**WHAT YOU NEED TO DO:** Please write out the records exactly.
[RECORDS PROVIDED]
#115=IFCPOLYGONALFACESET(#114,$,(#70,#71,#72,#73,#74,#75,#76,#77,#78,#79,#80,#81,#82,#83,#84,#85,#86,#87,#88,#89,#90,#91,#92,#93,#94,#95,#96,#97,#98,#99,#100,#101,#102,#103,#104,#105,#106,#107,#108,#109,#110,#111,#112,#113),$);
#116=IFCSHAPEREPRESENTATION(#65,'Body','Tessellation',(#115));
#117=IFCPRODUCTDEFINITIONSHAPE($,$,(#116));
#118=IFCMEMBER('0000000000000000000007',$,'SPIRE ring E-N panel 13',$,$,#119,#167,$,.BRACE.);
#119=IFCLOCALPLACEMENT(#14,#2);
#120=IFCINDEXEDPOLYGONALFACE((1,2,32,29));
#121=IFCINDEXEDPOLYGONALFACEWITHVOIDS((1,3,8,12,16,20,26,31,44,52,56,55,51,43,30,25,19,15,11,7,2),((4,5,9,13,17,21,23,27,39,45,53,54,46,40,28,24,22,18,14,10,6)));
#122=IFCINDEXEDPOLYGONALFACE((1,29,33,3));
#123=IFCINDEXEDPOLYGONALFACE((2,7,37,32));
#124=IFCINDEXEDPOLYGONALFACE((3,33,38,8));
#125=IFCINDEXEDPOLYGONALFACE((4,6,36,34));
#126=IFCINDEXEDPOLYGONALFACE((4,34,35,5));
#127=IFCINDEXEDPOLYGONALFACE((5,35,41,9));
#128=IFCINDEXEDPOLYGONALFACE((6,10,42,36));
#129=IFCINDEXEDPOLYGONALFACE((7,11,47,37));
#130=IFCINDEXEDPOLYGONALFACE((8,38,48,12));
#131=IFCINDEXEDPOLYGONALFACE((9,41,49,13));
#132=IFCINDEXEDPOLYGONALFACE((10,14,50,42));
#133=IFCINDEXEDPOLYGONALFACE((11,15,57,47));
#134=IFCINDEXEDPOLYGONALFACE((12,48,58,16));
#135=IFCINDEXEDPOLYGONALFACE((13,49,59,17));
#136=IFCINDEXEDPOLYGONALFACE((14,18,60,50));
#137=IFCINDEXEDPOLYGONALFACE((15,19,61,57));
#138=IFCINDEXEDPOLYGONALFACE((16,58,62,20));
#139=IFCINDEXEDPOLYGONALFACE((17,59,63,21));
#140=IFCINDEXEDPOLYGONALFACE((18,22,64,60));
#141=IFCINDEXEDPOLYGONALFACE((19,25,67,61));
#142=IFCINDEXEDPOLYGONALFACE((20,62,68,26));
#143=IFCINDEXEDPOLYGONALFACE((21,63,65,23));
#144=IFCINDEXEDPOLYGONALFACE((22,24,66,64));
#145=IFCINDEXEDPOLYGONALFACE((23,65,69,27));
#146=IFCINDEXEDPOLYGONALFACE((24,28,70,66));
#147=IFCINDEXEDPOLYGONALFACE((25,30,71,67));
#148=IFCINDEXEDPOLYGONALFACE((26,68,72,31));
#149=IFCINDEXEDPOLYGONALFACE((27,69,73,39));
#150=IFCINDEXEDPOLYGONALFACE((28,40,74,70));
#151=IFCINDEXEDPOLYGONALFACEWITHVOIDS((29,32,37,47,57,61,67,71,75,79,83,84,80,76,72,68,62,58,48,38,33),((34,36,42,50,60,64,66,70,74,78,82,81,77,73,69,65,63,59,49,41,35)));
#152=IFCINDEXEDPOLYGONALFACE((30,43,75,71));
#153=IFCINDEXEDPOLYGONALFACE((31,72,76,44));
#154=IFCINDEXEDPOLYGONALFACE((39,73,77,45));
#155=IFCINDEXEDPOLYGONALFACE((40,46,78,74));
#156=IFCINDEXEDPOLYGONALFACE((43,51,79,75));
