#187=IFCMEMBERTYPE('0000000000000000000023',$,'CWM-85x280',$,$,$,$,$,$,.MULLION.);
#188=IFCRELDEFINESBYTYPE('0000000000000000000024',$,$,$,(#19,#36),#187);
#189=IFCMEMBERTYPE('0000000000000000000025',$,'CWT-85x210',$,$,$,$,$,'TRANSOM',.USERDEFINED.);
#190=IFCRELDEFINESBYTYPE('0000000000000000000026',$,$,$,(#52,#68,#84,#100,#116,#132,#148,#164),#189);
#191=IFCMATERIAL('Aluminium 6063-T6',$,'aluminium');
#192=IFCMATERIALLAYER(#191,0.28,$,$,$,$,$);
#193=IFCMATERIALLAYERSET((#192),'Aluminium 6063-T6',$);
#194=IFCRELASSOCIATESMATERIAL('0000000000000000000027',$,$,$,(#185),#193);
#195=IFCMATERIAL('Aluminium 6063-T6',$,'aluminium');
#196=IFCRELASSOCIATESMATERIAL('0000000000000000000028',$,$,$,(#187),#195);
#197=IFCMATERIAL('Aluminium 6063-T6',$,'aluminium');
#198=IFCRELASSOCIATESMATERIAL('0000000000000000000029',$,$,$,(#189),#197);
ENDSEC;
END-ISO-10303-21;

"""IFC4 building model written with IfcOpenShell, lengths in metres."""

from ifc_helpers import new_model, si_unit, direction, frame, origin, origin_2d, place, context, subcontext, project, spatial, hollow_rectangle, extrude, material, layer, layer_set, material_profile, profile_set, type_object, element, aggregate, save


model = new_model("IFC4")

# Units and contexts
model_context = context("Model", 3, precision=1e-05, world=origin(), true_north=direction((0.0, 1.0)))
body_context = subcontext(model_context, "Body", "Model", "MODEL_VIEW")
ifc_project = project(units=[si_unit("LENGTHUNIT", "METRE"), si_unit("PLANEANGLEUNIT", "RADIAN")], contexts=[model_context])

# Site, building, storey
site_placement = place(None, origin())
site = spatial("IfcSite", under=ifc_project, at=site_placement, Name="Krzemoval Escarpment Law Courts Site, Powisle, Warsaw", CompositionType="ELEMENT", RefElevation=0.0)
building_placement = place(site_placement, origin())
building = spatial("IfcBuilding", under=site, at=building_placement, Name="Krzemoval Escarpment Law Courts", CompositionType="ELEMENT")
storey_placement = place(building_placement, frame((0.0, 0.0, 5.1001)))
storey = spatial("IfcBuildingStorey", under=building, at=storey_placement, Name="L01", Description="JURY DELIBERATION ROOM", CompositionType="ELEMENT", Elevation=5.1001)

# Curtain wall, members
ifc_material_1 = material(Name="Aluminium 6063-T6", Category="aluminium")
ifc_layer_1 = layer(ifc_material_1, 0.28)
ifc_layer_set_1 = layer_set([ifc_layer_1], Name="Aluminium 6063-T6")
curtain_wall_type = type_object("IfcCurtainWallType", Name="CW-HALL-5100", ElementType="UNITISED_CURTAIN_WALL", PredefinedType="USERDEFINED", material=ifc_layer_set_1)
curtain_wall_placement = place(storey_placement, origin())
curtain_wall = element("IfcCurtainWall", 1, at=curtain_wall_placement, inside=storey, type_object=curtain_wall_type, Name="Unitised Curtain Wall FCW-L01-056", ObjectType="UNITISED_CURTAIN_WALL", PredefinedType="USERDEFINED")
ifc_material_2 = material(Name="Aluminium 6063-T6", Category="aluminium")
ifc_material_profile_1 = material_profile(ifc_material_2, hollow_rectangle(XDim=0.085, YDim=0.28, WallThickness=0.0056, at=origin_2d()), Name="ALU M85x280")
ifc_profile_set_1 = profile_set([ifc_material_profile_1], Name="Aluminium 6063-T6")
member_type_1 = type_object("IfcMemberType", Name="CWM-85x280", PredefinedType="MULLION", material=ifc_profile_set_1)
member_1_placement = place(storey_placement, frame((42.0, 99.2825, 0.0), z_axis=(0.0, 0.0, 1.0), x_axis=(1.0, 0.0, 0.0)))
[/RECORDS PROVIDED]
**RESPONSE TO THE TASK:**
#115=IFCPOLYGONALFACESET(#114,$,(#70,#71,#72,#73,#74,#75,#76,#77,#78,#79,#80,#81,#82,#83,#84,#85,#86,#87,#88,#89,#90,#91,#92,#93,#94,#95,#96,#97,#98,#99,#100,#101,#102,#103,#104,#105,#106,#107,#108,#109,#110,#111,#112,#113),$);
#116=IFCSHAPEREPRESENTATION(#65,'Body','Tessellation',(#115));
#117=IFCPRODUCTDEFINITIONSHAPE($,$,(#116));
#118=IFCMEMBER('0000000000000000000007',$,'SPIRE ring E-N panel 13',$,$,#119,#167,$,.BRACE.);
#119=IFCLOCALPLACEMENT(#14,#2);
#120=IFCINDEXEDPOLYGONALFACE((1,2,32,29));
#121=IFCINDEXEDPOLYGONALFACEWITHVOIDS((1,3,8,12,16,20,26,31,44,52,56,55,51,43,30,25,19,15,11,7,2),((4,5,9,13,17,21,23,27,39,45,53,54,46,40,28,24,22,18,14,10,6)));
#122=IFCINDEXEDPOLYGONALFACE((1,29,33,3));
#123=IFCINDEXEDPOLYGONALFACE((2,7,37,32));
#124=IFCINDEXEDPOLYGONALFACE((3,33,38,8));
#125=IFCINDEXEDPOLYGONALFACE((4,6,36,34));
#126=IFCINDEXEDPOLYGONALFACE((4,34,35,5));
#127=IFCINDEXEDPOLYGONALFACE((5,35,41,9));
#128=IFCINDEXEDPOLYGONALFACE((6,10,42,36));
#129=IFCINDEXEDPOLYGONALFACE((7,11,47,37));
#130=IFCINDEXEDPOLYGONALFACE((8,38,48,12));
#131=IFCINDEXEDPOLYGONALFACE((9,41,49,13));
#132=IFCINDEXEDPOLYGONALFACE((10,14,50,42));
#133=IFCINDEXEDPOLYGONALFACE((11,15,57,47));
#134=IFCINDEXEDPOLYGONALFACE((12,48,58,16));
#135=IFCINDEXEDPOLYGONALFACE((13,49,59,17));
#136=IFCINDEXEDPOLYGONALFACE((14,18,60,50));
#137=IFCINDEXEDPOLYGONALFACE((15,19,61,57));
#138=IFCINDEXEDPOLYGONALFACE((16,58,62,20));
#139=IFCINDEXEDPOLYGONALFACE((17,59,63,21));
#140=IFCINDEXEDPOLYGONALFACE((18,22,64,60));
#141=IFCINDEXEDPOLYGONALFACE((19,25,67,61));
#142=IFCINDEXEDPOLYGONALFACE((20,62,68,26));
#143=IFCINDEXEDPOLYGONALFACE((21,63,65,23));
#144=IFCINDEXEDPOLYGONALFACE((22,24,66,64));
#145=IFCINDEXEDPOLYGONALFACE((23,65,69,27));
#146=IFCINDEXEDPOLYGONALFACE((24,28,70,66));
#147=IFCINDEXEDPOLYGONALFACE((25,30,71,67));
#148=IFCINDEXEDPOLYGONALFACE((26,68,72,31));
#149=IFCINDEXEDPOLYGONALFACE((27,69,73,39));
#150=IFCINDEXEDPOLYGONALFACE((28,40,74,70));
#151=IFCINDEXEDPOLYGONALFACEWITHVOIDS((29,32,37,47,57,61,67,71,75,79,83,84,80,76,72,68,62,58,48,38,33),((34,36,42,50,60,64,66,70,74,78,82,81,77,73,69,65,63,59,49,41,35)));
#152=IFCINDEXEDPOLYGONALFACE((30,43,75,71));
#153=IFCINDEXEDPOLYGONALFACE((31,72,76,44));
#154=IFCINDEXEDPOLYGONALFACE((39,73,77,45));
#155=IFCINDEXEDPOLYGONALFACE((40,46,78,74));
#156=IFCINDEXEDPOLYGONALFACE((43,51,79,75));
#187=IFCMEMBERTYPE('0000000000000000000023',$,'CWM-85x280',$,$,$,$,$,$,.MULLION.);
#188=IFCRELDEFINESBYTYPE('0000000000000000000024',$,$,$,(#19,#36),#187);
#189=IFCMEMBERTYPE('0000000000000000000025',$,'CWT-85x210',$,$,$,$,$,'TRANSOM',.USERDEFINED.);
#190=IFCRELDEFINESBYTYPE('0000000000000000000026',$,$,$,(#52,#68,#84,#100,#116,#132,#148,#164),#189);
#191=IFCMATERIAL('Aluminium 6063-T6',$,'aluminium');
#192=IFCMATERIALLAYER(#191,0.28,$,$,$,$,$);
#193=IFCMATERIALLAYERSET((#192),'Aluminium 6063-T6',$);
#194=IFCRELASSOCIATESMATERIAL('0000000000000000000027',$,$,$,(#185),#193);
#195=IFCMATERIAL('Aluminium 6063-T6',$,'aluminium');
#196=IFCRELASSOCIATESMATERIAL('0000000000000000000028',$,$,$,(#187),#195);
#197=IFCMATERIAL('Aluminium 6063-T6',$,'aluminium');
#198=IFCRELASSOCIATESMATERIAL('0000000000000000000029',$,$,$,(#189),#197);
ENDSEC;
END-ISO-10303-21;

"""IFC4 building model written with IfcOpenShell, lengths in metres."""

from ifc_helpers import new_model, si_unit, direction, frame, origin, origin_2d, place, context, subcontext, project, spatial, hollow_rectangle, extrude, material, layer, layer_set, material_profile, profile_set, type_object, element, aggregate, save


model = new_model("IFC4")

# Units and contexts
model_context = context("Model", 3, precision=1e-05, world=origin(), true_north=direction((0.0, 1.0)))
body_context = subcontext(model_context, "Body", "Model", "MODEL_VIEW")
ifc_project = project(units=[si_unit("LENGTHUNIT", "METRE"), si_unit("PLANEANGLEUNIT", "RADIAN")], contexts=[model_context])

# Site, building, storey
site_placement = place(None, origin())
site = spatial("IfcSite", under=ifc_project, at=site_placement, Name="Krzemoval Escarpment Law Courts Site, Powisle, Warsaw", CompositionType="ELEMENT", RefElevation=0.0)
building_placement = place(site_placement, origin())
building = spatial("IfcBuilding", under=site, at=building_placement, Name="Krzemoval Escarpment Law Courts", CompositionType="ELEMENT")
storey_placement = place(building_placement, frame((0.0, 0.0, 5.1001)))
storey = spatial("IfcBuildingStorey", under=building, at=storey_placement, Name="L01", Description="JURY DELIBERATION ROOM", CompositionType="ELEMENT", Elevation=5.1001)

# Curtain wall, members
ifc_material_1 = material(Name="Aluminium 6063-T6", Category="aluminium")
ifc_layer_1 = layer(ifc_material_1, 0.28)
ifc_layer_set_1 = layer_set([ifc_layer_1], Name="Aluminium 6063-T6")
curtain_wall_type = type_object("IfcCurtainWallType", Name="CW-HALL-5100", ElementType="UNITISED_CURTAIN_WALL", PredefinedType="USERDEFINED", material=ifc_layer_set_1)
curtain_wall_placement = place(storey_placement, origin())
curtain_wall = element("IfcCurtainWall", 1, at=curtain_wall_placement, inside=storey, type_object=curtain_wall_type, Name="Unitised Curtain Wall FCW-L01-056", ObjectType="UNITISED_CURTAIN_WALL", PredefinedType="USERDEFINED")
ifc_material_2 = material(Name="Aluminium 6063-T6", Category="aluminium")
ifc_material_profile_1 = material_profile(ifc_material_2, hollow_rectangle(XDim=0.085, YDim=0.28, WallThickness=0.0056, at=origin_2d()), Name="ALU M85x280")
ifc_profile_set_1 = profile_set([ifc_material_profile_1], Name="Aluminium 6063-T6")
member_type_1 = type_object("IfcMemberType", Name="CWM-85x280", PredefinedType="MULLION", material=ifc_profile_set_1)
member_1_placement = place(storey_placement, frame((42.0, 99.2825, 0.0), z_axis=(0.0, 0.0, 1.0), x_axis=(1.0, 0.0, 0.0)))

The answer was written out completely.